## Your assignment
Would you count how many lines of the entries below include the word "IFCRELDEFINESBYTYPE"? Give nothing but the number.

## Data in this exercise
※

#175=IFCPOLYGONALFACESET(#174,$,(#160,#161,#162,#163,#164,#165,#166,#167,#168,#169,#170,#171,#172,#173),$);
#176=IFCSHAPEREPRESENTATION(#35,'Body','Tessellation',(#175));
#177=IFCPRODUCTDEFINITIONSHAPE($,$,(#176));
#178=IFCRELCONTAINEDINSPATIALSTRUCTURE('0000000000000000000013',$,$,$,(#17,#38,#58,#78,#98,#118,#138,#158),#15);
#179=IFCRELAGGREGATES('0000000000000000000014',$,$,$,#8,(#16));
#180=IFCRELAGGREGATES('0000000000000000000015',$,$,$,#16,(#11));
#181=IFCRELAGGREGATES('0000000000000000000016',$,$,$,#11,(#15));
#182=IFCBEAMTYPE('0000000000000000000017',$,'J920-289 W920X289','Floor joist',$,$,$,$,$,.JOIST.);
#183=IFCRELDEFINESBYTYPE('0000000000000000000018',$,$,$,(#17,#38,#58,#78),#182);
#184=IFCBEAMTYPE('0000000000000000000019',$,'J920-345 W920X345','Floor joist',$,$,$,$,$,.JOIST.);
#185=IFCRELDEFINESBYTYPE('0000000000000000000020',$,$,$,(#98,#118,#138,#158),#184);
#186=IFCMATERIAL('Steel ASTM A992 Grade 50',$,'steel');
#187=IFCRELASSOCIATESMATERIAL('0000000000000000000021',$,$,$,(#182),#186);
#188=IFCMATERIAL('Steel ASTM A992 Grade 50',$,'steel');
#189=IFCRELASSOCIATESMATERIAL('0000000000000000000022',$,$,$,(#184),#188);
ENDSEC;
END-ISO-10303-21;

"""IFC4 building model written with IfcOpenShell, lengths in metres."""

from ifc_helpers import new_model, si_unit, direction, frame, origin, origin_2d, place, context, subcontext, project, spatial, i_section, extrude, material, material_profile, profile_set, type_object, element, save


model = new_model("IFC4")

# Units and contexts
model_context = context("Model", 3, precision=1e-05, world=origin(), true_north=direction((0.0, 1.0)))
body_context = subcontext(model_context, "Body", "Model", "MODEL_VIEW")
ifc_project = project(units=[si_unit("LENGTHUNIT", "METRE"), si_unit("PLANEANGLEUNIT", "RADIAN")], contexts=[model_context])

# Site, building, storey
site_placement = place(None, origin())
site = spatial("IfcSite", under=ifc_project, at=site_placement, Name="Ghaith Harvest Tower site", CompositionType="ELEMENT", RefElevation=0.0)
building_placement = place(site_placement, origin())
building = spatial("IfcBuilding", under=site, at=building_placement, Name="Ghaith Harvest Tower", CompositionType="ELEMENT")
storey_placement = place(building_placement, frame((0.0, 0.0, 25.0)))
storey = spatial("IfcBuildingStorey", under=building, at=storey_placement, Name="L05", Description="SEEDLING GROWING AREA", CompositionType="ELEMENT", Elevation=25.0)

※

## Result
2